##### Data under study #####

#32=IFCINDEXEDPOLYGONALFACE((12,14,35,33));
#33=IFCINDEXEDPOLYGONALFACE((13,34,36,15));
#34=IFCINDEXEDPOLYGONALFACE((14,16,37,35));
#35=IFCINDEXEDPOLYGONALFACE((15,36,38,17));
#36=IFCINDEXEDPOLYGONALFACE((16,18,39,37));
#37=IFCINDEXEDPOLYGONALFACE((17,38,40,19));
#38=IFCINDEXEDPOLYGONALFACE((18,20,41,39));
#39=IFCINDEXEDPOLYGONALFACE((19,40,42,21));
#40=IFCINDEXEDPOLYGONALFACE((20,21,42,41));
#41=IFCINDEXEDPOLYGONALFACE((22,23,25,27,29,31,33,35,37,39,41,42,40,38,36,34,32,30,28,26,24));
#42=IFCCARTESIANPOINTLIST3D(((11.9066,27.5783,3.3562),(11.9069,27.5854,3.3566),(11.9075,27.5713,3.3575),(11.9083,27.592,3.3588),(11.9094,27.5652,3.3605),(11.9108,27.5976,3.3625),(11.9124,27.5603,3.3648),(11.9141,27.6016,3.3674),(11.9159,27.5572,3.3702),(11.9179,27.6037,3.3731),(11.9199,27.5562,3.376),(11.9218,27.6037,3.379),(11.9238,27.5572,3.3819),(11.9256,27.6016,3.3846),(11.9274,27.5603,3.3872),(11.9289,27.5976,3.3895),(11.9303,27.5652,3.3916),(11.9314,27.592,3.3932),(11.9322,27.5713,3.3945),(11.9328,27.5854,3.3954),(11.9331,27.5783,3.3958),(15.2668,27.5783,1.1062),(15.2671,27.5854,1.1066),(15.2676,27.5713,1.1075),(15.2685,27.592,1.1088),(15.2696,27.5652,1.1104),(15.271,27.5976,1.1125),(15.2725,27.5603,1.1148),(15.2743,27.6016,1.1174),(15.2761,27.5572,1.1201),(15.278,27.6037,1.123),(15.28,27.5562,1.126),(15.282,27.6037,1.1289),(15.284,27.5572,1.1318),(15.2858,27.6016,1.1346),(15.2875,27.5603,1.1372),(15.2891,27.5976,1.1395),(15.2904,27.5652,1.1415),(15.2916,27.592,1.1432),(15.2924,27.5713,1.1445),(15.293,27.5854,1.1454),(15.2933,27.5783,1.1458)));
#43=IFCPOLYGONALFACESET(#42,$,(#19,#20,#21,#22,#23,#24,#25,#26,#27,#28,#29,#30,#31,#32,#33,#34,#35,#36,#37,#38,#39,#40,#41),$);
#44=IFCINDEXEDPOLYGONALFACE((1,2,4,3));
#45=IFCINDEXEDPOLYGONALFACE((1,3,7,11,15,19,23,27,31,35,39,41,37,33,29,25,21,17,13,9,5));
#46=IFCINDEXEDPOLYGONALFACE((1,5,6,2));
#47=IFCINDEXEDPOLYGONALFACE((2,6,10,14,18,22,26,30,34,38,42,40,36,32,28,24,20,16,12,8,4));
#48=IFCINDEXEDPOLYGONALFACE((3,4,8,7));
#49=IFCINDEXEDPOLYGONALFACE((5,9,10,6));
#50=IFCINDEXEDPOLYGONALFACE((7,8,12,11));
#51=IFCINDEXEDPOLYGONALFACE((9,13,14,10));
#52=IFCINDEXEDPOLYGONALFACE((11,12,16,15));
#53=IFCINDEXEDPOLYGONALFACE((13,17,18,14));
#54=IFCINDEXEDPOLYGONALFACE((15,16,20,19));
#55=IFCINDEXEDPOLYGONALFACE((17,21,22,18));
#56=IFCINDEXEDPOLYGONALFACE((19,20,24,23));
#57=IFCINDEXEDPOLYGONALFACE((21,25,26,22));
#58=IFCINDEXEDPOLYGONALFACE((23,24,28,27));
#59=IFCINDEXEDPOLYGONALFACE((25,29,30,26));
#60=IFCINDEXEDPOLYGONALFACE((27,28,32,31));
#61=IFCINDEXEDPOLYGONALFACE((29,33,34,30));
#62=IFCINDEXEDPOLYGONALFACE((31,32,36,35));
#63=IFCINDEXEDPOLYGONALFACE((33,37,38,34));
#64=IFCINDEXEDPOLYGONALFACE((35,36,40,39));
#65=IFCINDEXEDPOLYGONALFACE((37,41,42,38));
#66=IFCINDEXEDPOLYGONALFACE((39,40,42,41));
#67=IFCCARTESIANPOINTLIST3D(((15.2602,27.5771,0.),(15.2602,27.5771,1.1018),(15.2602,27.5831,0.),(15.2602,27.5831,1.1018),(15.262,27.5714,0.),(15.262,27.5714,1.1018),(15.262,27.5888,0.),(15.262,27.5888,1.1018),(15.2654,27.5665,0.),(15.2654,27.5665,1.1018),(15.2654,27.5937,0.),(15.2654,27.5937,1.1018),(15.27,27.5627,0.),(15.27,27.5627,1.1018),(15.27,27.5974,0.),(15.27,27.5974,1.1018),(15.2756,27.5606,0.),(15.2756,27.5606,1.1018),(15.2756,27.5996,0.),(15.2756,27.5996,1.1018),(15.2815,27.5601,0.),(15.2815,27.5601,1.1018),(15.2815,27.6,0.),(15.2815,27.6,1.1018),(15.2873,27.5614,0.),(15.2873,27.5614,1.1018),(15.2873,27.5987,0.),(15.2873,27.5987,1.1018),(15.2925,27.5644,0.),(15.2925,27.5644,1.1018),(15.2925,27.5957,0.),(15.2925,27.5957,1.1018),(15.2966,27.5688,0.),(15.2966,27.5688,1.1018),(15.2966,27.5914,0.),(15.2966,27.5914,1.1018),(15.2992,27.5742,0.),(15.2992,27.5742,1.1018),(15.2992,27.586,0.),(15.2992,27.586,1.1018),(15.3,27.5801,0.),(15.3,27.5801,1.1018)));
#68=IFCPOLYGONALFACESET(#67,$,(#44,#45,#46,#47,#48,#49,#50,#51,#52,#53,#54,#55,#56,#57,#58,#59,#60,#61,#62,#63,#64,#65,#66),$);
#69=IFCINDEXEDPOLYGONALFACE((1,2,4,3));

#####

**Work request:** Exact retyping of all the entries is required.

**Exercise answer:**
#32=IFCINDEXEDPOLYGONALFACE((12,14,35,33));
#33=IFCINDEXEDPOLYGONALFACE((13,34,36,15));
#34=IFCINDEXEDPOLYGONALFACE((14,16,37,35));
#35=IFCINDEXEDPOLYGONALFACE((15,36,38,17));
#36=IFCINDEXEDPOLYGONALFACE((16,18,39,37));
#37=IFCINDEXEDPOLYGONALFACE((17,38,40,19));
#38=IFCINDEXEDPOLYGONALFACE((18,20,41,39));
#39=IFCINDEXEDPOLYGONALFACE((19,40,42,21));
#40=IFCINDEXEDPOLYGONALFACE((20,21,42,41));
#41=IFCINDEXEDPOLYGONALFACE((22,23,25,27,29,31,33,35,37,39,41,42,40,38,36,34,32,30,28,26,24));
#42=IFCCARTESIANPOINTLIST3D(((11.9066,27.5783,3.3562),(11.9069,27.5854,3.3566),(11.9075,27.5713,3.3575),(11.9083,27.592,3.3588),(11.9094,27.5652,3.3605),(11.9108,27.5976,3.3625),(11.9124,27.5603,3.3648),(11.9141,27.6016,3.3674),(11.9159,27.5572,3.3702),(11.9179,27.6037,3.3731),(11.9199,27.5562,3.376),(11.9218,27.6037,3.379),(11.9238,27.5572,3.3819),(11.9256,27.6016,3.3846),(11.9274,27.5603,3.3872),(11.9289,27.5976,3.3895),(11.9303,27.5652,3.3916),(11.9314,27.592,3.3932),(11.9322,27.5713,3.3945),(11.9328,27.5854,3.3954),(11.9331,27.5783,3.3958),(15.2668,27.5783,1.1062),(15.2671,27.5854,1.1066),(15.2676,27.5713,1.1075),(15.2685,27.592,1.1088),(15.2696,27.5652,1.1104),(15.271,27.5976,1.1125),(15.2725,27.5603,1.1148),(15.2743,27.6016,1.1174),(15.2761,27.5572,1.1201),(15.278,27.6037,1.123),(15.28,27.5562,1.126),(15.282,27.6037,1.1289),(15.284,27.5572,1.1318),(15.2858,27.6016,1.1346),(15.2875,27.5603,1.1372),(15.2891,27.5976,1.1395),(15.2904,27.5652,1.1415),(15.2916,27.592,1.1432),(15.2924,27.5713,1.1445),(15.293,27.5854,1.1454),(15.2933,27.5783,1.1458)));
#43=IFCPOLYGONALFACESET(#42,$,(#19,#20,#21,#22,#23,#24,#25,#26,#27,#28,#29,#30,#31,#32,#33,#34,#35,#36,#37,#38,#39,#40,#41),$);
#44=IFCINDEXEDPOLYGONALFACE((1,2,4,3));
#45=IFCINDEXEDPOLYGONALFACE((1,3,7,11,15,19,23,27,31,35,39,41,37,33,29,25,21,17,13,9,5));
#46=IFCINDEXEDPOLYGONALFACE((1,5,6,2));
#47=IFCINDEXEDPOLYGONALFACE((2,6,10,14,18,22,26,30,34,38,42,40,36,32,28,24,20,16,12,8,4));
#48=IFCINDEXEDPOLYGONALFACE((3,4,8,7));
#49=IFCINDEXEDPOLYGONALFACE((5,9,10,6));
#50=IFCINDEXEDPOLYGONALFACE((7,8,12,11));
#51=IFCINDEXEDPOLYGONALFACE((9,13,14,10));
#52=IFCINDEXEDPOLYGONALFACE((11,12,16,15));
#53=IFCINDEXEDPOLYGONALFACE((13,17,18,14));
#54=IFCINDEXEDPOLYGONALFACE((15,16,20,19));
#55=IFCINDEXEDPOLYGONALFACE((17,21,22,18));
#56=IFCINDEXEDPOLYGONALFACE((19,20,24,23));
#57=IFCINDEXEDPOLYGONALFACE((21,25,26,22));
#58=IFCINDEXEDPOLYGONALFACE((23,24,28,27));
#59=IFCINDEXEDPOLYGONALFACE((25,29,30,26));
#60=IFCINDEXEDPOLYGONALFACE((27,28,32,31));
#61=IFCINDEXEDPOLYGONALFACE((29,33,34,30));
#62=IFCINDEXEDPOLYGONALFACE((31,32,36,35));
#63=IFCINDEXEDPOLYGONALFACE((33,37,38,34));
#64=IFCINDEXEDPOLYGONALFACE((35,36,40,39));
#65=IFCINDEXEDPOLYGONALFACE((37,41,42,38));
#66=IFCINDEXEDPOLYGONALFACE((39,40,42,41));
#67=IFCCARTESIANPOINTLIST3D(((15.2602,27.5771,0.),(15.2602,27.5771,1.1018),(15.2602,27.5831,0.),(15.2602,27.5831,1.1018),(15.262,27.5714,0.),(15.262,27.5714,1.1018),(15.262,27.5888,0.),(15.262,27.5888,1.1018),(15.2654,27.5665,0.),(15.2654,27.5665,1.1018),(15.2654,27.5937,0.),(15.2654,27.5937,1.1018),(15.27,27.5627,0.),(15.27,27.5627,1.1018),(15.27,27.5974,0.),(15.27,27.5974,1.1018),(15.2756,27.5606,0.),(15.2756,27.5606,1.1018),(15.2756,27.5996,0.),(15.2756,27.5996,1.1018),(15.2815,27.5601,0.),(15.2815,27.5601,1.1018),(15.2815,27.6,0.),(15.2815,27.6,1.1018),(15.2873,27.5614,0.),(15.2873,27.5614,1.1018),(15.2873,27.5987,0.),(15.2873,27.5987,1.1018),(15.2925,27.5644,0.),(15.2925,27.5644,1.1018),(15.2925,27.5957,0.),(15.2925,27.5957,1.1018),(15.2966,27.5688,0.),(15.2966,27.5688,1.1018),(15.2966,27.5914,0.),(15.2966,27.5914,1.1018),(15.2992,27.5742,0.),(15.2992,27.5742,1.1018),(15.2992,27.586,0.),(15.2992,27.586,1.1018),(15.3,27.5801,0.),(15.3,27.5801,1.1018)));
#68=IFCPOLYGONALFACESET(#67,$,(#44,#45,#46,#47,#48,#49,#50,#51,#52,#53,#54,#55,#56,#57,#58,#59,#60,#61,#62,#63,#64,#65,#66),$);
#69=IFCINDEXEDPOLYGONALFACE((1,2,4,3));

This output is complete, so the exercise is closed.